Goal of the exercise
Look through the entries below and count the lines with the word "CompositionType" in them; give only the number.

(Recorded data)
○ ○ ○ ○
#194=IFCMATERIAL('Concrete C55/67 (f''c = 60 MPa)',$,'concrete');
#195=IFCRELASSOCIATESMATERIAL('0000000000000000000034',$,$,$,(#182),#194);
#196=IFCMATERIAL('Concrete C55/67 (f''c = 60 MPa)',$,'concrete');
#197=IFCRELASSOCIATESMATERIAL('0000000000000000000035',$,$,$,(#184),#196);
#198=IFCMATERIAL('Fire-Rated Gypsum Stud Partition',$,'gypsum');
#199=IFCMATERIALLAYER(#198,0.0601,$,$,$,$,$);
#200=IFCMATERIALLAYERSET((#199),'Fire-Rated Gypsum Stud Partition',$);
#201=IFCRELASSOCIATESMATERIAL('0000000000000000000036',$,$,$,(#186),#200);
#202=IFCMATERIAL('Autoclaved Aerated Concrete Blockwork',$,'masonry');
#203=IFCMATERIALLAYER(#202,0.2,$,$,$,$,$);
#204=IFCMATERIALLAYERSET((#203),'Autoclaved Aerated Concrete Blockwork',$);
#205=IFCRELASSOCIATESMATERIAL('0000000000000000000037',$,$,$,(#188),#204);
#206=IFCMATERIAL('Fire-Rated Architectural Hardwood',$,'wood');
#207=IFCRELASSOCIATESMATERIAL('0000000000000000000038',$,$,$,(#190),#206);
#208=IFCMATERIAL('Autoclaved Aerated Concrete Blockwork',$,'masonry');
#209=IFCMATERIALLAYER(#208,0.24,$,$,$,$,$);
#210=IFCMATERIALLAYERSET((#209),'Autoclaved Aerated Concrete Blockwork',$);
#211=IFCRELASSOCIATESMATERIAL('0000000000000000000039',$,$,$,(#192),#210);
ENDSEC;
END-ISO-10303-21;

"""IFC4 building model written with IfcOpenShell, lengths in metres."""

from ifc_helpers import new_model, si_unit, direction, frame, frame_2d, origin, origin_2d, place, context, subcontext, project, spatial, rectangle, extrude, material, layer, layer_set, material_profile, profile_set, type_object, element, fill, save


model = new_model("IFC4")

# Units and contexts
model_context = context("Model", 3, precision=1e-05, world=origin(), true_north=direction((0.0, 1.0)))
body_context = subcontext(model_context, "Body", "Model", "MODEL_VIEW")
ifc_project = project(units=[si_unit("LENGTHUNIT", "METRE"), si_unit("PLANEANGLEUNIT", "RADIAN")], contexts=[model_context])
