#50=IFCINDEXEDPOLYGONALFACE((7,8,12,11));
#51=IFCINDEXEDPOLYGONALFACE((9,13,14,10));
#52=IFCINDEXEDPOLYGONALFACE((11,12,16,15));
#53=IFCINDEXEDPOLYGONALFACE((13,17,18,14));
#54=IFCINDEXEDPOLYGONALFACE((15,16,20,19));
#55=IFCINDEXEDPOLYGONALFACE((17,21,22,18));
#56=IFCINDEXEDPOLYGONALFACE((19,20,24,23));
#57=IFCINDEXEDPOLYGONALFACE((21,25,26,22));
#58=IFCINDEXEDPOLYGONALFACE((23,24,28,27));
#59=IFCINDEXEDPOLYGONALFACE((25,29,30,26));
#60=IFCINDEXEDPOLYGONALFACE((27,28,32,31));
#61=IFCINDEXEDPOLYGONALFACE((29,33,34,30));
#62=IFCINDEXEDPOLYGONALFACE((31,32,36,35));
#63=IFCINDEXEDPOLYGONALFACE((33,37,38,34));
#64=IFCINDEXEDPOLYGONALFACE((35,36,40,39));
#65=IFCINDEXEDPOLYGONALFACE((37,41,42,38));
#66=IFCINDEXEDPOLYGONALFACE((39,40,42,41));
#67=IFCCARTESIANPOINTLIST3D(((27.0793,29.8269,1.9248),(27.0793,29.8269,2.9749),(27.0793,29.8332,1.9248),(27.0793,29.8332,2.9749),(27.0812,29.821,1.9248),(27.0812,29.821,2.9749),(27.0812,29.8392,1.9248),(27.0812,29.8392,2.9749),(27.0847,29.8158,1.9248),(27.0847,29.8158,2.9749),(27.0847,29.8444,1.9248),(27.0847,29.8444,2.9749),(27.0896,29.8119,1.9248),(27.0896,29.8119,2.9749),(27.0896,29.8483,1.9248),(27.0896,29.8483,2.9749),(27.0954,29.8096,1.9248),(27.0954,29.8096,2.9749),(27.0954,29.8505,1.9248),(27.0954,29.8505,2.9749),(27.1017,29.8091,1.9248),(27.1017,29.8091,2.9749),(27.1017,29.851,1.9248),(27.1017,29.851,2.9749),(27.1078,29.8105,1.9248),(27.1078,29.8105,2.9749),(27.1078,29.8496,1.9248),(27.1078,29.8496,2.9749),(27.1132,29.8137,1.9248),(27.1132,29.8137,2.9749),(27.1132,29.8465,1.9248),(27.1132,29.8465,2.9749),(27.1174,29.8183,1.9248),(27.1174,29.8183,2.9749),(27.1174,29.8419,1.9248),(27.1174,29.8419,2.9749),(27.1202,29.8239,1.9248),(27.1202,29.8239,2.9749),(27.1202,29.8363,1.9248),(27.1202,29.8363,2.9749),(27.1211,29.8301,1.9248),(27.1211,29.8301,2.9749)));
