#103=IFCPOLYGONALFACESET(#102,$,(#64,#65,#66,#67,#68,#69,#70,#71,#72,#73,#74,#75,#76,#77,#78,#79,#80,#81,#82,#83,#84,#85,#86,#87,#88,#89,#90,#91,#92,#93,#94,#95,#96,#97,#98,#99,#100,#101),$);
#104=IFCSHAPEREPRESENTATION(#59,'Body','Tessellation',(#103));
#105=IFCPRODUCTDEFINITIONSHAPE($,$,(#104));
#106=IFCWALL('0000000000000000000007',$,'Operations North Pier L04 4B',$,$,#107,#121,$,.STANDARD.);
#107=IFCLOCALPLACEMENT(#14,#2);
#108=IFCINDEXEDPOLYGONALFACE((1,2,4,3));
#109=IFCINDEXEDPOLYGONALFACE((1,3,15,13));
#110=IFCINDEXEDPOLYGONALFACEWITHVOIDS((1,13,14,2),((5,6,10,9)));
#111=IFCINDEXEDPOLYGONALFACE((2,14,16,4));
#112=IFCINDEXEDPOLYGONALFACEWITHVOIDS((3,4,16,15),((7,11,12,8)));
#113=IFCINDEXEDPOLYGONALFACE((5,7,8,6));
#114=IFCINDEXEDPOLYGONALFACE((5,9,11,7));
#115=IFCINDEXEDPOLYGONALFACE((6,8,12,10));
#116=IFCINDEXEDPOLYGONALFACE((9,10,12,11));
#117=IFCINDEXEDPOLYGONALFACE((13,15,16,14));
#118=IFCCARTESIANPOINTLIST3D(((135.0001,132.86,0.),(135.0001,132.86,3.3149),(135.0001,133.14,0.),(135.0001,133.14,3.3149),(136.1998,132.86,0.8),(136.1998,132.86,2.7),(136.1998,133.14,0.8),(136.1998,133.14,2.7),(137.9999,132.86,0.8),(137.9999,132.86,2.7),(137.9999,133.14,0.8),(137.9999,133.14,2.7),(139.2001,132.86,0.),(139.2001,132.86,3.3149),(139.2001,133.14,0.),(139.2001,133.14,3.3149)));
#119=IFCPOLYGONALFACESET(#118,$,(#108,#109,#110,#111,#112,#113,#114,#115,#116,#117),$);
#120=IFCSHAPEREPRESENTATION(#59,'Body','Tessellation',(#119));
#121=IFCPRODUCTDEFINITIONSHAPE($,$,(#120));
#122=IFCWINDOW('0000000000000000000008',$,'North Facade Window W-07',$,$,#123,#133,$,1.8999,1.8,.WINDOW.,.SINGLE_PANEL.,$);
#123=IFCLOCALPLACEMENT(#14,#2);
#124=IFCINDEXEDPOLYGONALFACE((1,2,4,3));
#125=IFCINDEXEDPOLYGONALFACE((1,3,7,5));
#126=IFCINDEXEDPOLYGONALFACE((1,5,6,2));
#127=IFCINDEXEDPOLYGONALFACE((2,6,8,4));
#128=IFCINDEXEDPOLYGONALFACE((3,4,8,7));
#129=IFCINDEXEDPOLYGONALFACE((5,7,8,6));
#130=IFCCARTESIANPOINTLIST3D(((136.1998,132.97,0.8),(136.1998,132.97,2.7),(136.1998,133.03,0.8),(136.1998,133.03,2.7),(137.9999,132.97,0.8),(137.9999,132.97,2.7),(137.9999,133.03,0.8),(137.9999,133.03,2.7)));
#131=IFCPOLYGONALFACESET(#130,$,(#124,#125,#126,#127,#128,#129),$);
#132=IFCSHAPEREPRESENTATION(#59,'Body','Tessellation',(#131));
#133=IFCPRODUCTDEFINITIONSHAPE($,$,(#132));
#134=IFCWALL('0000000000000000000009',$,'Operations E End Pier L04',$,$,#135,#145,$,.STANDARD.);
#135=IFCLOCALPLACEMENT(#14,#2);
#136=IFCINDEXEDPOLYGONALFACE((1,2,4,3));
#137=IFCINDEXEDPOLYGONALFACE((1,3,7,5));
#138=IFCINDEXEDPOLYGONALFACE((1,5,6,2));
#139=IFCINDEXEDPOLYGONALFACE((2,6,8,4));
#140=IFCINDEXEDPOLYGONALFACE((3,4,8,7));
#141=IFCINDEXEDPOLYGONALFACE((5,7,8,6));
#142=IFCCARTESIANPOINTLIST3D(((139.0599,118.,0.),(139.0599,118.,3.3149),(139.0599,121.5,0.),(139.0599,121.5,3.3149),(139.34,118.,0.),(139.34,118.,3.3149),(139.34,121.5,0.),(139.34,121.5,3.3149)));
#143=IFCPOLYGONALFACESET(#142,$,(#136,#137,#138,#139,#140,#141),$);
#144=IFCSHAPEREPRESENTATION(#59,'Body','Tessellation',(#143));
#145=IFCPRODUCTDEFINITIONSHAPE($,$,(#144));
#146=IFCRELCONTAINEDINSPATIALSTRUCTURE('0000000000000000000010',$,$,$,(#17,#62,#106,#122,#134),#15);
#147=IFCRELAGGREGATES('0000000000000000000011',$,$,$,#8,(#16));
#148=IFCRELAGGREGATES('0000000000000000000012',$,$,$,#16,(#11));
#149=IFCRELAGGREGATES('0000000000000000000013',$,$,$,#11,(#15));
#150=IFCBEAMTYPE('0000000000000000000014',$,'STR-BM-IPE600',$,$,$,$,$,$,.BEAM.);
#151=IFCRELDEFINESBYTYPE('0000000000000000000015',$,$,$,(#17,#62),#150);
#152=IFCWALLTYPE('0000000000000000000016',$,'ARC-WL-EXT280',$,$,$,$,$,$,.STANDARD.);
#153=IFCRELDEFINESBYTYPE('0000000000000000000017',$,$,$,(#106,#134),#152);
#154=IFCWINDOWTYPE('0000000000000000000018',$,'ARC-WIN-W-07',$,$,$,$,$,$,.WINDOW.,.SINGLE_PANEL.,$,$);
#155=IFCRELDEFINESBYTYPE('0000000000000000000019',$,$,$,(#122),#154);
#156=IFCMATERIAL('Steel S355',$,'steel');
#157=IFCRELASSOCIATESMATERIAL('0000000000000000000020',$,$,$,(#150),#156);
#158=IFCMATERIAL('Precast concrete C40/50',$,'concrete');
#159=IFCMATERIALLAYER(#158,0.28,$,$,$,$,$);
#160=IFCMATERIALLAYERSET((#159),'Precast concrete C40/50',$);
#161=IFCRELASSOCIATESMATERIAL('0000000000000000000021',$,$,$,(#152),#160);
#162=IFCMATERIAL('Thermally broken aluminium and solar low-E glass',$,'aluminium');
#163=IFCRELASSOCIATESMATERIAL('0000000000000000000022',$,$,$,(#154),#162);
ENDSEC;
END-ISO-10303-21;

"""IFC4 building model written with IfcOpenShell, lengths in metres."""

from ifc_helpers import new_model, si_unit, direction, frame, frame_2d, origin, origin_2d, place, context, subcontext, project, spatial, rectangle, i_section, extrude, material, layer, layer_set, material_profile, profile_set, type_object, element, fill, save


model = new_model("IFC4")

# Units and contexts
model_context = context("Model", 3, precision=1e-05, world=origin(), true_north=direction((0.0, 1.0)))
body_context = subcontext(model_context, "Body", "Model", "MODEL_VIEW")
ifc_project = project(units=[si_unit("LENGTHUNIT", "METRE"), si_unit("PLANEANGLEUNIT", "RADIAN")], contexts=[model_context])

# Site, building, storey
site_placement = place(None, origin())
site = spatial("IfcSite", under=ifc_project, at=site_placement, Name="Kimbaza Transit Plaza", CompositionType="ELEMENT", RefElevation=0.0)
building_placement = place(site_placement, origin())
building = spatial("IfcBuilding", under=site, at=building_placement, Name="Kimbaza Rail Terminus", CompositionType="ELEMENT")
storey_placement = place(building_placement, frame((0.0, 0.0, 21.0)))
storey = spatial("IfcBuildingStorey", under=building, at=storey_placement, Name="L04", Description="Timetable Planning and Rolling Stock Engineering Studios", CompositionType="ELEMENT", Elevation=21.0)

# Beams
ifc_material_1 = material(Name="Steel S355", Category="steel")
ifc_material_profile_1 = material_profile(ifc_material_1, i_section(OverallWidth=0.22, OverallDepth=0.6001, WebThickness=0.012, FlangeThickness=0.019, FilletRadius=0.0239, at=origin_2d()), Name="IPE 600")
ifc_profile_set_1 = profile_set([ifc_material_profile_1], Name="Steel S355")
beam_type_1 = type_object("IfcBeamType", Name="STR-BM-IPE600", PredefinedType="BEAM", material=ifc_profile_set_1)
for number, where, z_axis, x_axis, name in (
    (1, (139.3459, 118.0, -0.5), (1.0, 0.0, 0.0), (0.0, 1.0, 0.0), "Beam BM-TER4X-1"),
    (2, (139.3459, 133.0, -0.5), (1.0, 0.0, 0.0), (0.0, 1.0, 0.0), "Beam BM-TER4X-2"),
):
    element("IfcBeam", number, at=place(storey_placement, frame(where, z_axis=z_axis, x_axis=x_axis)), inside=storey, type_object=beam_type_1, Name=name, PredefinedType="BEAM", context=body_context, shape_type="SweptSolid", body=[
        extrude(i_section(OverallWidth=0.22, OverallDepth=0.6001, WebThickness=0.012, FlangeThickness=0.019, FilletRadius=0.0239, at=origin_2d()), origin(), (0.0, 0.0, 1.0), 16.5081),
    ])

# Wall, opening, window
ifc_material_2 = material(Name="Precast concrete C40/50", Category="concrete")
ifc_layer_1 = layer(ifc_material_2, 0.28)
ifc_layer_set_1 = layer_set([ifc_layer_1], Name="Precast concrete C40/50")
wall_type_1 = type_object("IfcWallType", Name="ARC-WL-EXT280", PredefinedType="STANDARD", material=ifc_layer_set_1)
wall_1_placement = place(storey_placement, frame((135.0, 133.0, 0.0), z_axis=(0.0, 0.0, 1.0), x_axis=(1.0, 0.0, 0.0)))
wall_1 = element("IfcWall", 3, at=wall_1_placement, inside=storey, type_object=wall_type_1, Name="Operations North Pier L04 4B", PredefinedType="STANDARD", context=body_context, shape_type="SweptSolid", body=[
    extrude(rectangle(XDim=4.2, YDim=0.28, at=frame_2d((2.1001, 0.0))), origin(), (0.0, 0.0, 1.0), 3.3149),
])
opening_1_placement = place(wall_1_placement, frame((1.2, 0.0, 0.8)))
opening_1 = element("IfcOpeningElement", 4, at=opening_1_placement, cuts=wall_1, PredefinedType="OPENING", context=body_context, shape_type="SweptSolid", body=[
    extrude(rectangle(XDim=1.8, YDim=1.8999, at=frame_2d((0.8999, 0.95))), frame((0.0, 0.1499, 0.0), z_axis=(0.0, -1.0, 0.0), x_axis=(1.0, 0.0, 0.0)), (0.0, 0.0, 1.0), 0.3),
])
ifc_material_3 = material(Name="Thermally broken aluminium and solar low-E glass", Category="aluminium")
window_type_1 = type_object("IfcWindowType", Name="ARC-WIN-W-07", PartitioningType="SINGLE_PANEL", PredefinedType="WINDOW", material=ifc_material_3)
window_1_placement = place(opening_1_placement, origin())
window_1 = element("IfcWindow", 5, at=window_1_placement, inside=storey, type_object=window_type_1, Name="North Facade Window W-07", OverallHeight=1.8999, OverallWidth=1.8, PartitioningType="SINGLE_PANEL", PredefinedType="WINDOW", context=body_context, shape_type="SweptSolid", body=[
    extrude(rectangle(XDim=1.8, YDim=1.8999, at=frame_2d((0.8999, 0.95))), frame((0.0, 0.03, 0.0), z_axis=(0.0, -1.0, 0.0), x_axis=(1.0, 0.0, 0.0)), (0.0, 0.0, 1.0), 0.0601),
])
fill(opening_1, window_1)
○ ○ ○ ○
Result of this task
3